** Task material **
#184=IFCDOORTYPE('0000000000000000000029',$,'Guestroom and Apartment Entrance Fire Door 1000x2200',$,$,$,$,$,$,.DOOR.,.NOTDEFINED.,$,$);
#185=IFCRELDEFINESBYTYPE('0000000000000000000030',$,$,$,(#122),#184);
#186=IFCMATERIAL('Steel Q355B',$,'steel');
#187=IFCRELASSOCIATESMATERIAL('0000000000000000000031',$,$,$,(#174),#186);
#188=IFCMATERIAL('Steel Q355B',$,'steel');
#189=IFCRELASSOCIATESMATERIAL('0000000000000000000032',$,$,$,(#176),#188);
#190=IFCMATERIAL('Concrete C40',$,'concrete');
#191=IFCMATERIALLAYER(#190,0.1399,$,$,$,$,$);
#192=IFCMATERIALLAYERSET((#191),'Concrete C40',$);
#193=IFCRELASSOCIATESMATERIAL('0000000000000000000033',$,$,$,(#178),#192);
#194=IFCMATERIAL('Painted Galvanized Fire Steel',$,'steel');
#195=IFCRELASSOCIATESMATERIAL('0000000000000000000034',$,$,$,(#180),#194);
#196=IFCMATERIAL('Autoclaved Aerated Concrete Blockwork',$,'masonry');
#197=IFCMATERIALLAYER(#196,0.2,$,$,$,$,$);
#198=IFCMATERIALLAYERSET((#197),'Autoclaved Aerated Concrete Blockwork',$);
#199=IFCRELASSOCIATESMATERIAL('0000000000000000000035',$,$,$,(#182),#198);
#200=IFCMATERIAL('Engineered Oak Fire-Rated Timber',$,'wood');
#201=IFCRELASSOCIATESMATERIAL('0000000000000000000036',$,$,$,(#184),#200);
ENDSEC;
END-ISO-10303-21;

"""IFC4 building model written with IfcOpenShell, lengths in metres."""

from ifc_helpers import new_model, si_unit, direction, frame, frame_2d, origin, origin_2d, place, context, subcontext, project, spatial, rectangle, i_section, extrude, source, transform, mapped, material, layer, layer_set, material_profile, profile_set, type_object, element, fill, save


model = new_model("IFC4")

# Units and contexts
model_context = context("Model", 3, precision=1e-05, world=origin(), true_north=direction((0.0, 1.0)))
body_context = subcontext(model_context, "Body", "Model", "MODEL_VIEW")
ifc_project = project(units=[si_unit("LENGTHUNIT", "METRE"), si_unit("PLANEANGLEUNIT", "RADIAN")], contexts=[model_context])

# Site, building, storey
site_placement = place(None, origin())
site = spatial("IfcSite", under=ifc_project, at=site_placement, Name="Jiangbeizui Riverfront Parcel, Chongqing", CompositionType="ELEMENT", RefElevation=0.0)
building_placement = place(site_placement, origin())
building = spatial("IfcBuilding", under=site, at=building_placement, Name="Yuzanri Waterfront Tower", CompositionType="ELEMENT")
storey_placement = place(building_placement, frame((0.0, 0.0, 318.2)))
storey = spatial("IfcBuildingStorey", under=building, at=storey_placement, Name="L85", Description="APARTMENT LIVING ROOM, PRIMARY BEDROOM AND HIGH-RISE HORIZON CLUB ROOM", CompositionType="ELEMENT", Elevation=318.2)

==

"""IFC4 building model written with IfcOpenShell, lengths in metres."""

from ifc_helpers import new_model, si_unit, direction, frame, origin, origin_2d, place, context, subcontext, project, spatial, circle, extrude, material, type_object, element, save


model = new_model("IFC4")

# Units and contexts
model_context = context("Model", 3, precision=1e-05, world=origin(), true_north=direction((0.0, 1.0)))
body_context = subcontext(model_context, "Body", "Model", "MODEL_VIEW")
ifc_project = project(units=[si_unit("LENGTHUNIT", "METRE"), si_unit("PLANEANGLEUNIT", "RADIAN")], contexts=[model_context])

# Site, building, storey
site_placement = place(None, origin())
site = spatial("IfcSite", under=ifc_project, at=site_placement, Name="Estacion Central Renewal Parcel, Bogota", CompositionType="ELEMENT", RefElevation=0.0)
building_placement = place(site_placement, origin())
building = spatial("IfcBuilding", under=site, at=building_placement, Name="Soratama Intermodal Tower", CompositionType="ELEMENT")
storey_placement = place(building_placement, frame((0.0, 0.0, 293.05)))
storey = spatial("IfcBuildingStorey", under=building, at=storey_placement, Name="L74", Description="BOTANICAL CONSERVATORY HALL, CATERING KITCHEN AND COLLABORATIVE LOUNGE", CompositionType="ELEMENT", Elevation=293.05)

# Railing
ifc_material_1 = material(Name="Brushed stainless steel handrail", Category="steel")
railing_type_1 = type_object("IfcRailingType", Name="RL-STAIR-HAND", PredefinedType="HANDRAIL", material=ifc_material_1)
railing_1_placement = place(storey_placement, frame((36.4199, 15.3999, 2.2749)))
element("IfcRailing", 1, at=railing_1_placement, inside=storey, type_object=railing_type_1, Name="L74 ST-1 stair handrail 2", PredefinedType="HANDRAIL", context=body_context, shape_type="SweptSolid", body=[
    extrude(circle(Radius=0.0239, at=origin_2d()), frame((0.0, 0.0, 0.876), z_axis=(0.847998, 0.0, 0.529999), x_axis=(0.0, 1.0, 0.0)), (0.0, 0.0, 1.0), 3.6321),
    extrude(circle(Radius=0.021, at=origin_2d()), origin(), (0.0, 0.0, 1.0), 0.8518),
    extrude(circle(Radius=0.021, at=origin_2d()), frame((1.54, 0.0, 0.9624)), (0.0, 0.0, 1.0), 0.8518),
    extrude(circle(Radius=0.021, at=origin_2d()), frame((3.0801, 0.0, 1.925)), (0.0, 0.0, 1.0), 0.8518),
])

==

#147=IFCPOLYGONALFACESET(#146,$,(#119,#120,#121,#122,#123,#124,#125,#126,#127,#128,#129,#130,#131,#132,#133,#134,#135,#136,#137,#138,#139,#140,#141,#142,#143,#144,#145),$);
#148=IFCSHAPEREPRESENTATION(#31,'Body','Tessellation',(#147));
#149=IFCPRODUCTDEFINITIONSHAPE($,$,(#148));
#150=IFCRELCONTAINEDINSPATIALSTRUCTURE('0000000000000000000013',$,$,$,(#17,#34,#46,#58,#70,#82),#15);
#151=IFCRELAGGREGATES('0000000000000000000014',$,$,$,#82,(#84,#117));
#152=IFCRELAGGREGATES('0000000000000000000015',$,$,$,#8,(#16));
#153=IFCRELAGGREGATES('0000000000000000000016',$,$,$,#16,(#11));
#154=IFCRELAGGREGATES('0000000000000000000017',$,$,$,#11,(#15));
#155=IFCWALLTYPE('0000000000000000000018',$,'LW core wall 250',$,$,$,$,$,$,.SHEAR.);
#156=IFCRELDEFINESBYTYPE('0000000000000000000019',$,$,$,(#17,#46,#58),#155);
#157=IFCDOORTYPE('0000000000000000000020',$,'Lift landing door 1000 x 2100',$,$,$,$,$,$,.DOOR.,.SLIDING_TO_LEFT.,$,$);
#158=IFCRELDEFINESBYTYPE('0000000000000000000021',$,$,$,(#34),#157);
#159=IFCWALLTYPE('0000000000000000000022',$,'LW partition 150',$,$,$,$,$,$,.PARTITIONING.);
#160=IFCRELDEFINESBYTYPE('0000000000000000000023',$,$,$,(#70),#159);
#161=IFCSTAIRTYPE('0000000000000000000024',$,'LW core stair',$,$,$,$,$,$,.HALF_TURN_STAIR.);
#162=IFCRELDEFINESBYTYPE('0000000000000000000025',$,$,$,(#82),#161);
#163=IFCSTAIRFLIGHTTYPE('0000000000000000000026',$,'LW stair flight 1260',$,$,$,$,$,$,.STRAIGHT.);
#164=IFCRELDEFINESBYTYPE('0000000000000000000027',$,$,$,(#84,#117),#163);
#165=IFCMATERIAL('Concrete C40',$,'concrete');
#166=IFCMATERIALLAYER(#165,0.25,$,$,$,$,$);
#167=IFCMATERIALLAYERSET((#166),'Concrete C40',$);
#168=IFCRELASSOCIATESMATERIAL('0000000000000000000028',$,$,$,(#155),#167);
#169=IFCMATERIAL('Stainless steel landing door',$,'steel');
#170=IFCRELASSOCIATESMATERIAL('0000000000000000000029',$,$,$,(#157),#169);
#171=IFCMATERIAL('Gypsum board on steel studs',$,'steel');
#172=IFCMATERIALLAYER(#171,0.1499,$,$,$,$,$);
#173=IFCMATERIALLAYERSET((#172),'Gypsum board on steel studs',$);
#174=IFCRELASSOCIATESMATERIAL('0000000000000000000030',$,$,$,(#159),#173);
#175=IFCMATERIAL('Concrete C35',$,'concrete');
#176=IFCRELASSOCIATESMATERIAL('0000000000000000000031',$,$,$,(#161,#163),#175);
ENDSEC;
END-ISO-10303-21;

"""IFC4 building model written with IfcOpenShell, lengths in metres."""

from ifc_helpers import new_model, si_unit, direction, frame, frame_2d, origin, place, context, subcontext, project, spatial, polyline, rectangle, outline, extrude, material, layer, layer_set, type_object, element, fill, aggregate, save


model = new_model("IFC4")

** Task prompt **
I'd like the lines above from the one with "Fire Door 1000x2200',$,$,$,$,$,$,.DOOR.,.NOTDEFINED.,$,$);" up to and including the one with "#186=IFCMATERIAL('Steel Q355B',$,'steel');" copied exactly, with no other lines.

** Problem solution **
#184=IFCDOORTYPE('0000000000000000000029',$,'Guestroom and Apartment Entrance Fire Door 1000x2200',$,$,$,$,$,$,.DOOR.,.NOTDEFINED.,$,$);
#185=IFCRELDEFINESBYTYPE('0000000000000000000030',$,$,$,(#122),#184);
#186=IFCMATERIAL('Steel Q355B',$,'steel');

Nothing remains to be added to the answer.